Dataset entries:
● ● ●

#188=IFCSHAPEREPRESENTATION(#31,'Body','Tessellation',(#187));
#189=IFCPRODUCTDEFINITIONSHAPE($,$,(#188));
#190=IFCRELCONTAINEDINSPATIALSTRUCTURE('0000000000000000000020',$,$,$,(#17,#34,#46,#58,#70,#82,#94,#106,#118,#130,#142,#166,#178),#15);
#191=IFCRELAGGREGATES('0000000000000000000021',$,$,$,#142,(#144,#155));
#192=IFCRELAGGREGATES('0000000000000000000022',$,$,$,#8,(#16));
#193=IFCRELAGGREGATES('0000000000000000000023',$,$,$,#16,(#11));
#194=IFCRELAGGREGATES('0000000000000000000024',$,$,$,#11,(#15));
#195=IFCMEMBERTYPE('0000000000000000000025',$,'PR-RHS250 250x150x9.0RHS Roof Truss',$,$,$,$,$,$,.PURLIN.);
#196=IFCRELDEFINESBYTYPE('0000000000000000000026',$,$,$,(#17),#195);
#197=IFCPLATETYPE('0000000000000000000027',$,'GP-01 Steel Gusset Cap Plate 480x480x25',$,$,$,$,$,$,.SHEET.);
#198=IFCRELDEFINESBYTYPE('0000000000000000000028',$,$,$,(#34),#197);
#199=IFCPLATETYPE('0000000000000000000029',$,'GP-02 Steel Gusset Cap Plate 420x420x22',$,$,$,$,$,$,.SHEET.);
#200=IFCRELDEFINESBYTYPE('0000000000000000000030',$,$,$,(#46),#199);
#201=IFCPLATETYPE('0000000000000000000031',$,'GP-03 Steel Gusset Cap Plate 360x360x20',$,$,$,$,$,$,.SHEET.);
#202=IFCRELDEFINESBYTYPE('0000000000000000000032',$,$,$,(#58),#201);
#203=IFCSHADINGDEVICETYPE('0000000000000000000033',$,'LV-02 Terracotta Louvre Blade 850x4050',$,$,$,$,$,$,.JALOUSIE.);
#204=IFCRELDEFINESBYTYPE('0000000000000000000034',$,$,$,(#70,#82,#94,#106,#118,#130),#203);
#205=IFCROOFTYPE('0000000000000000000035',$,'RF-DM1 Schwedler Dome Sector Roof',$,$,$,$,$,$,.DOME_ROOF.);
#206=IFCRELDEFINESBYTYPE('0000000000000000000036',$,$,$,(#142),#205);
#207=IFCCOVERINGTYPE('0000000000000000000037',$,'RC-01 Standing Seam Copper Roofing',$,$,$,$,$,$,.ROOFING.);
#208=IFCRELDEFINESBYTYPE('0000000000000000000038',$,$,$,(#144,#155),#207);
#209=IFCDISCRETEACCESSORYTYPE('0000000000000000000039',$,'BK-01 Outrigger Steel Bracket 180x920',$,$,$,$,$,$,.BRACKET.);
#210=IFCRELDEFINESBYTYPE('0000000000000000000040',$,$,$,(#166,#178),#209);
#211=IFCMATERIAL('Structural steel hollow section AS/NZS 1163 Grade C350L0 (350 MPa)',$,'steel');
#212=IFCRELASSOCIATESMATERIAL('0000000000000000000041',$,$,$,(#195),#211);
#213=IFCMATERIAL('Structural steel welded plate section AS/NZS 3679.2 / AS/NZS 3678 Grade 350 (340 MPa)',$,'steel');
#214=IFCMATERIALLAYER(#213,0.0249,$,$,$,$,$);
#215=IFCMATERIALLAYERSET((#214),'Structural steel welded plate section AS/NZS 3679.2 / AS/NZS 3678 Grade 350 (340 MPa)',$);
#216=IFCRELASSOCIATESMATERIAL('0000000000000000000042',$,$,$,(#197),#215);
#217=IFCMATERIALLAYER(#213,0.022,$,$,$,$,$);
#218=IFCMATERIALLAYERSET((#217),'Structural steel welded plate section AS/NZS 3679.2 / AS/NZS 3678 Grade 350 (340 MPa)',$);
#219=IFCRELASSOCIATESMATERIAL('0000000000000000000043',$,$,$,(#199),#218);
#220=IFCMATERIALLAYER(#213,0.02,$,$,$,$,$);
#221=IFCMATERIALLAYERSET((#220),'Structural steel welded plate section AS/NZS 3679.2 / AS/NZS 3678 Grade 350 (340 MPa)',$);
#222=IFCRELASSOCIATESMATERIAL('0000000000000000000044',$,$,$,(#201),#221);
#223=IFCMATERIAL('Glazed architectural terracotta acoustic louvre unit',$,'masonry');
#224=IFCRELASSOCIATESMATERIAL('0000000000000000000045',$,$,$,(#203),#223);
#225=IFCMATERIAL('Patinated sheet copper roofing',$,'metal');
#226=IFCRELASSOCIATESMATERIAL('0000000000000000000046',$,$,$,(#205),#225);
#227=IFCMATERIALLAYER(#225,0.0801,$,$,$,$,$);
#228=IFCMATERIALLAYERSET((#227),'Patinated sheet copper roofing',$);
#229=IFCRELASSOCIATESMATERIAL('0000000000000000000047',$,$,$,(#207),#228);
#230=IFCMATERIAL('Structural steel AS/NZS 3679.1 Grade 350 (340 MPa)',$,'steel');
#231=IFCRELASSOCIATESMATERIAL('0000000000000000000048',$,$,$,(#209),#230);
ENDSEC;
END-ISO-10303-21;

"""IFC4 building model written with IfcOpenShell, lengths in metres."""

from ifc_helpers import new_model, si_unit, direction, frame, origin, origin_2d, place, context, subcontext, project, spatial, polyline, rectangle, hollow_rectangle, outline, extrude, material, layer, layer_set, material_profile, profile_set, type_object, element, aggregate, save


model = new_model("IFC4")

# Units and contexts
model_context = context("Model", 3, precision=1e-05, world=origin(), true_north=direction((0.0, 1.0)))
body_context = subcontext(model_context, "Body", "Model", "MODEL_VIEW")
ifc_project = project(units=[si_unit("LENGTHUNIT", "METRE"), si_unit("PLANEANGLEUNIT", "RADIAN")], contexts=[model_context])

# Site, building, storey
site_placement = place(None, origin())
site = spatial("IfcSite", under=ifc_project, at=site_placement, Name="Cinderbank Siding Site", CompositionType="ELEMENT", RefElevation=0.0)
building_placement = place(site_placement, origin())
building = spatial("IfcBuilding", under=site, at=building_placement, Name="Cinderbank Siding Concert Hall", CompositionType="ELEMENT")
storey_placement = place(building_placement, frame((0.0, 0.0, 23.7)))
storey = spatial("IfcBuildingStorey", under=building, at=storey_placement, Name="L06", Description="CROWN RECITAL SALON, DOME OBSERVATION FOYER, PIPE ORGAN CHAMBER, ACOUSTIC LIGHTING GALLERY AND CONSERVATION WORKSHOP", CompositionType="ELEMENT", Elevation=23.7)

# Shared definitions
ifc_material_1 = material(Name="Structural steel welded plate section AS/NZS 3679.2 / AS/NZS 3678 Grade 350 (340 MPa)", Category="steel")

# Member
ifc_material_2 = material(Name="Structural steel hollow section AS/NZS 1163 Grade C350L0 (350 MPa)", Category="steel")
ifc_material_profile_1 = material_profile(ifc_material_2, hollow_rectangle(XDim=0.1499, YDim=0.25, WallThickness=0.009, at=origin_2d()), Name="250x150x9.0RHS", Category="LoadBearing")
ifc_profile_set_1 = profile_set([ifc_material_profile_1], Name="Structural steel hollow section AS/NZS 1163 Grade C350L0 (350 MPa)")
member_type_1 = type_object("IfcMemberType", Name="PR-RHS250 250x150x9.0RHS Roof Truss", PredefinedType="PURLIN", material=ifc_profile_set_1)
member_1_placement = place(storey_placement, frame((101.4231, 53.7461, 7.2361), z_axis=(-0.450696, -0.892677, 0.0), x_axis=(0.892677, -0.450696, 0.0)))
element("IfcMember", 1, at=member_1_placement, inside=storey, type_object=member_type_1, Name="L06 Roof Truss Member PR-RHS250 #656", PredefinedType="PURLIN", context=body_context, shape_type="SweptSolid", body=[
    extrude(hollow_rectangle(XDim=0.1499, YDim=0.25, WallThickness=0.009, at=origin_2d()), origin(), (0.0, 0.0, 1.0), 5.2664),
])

● ● ●

-- Exercise --
Check each line above for the word "extrude", and give only the number of lines that contain it.

-- Written reply --
2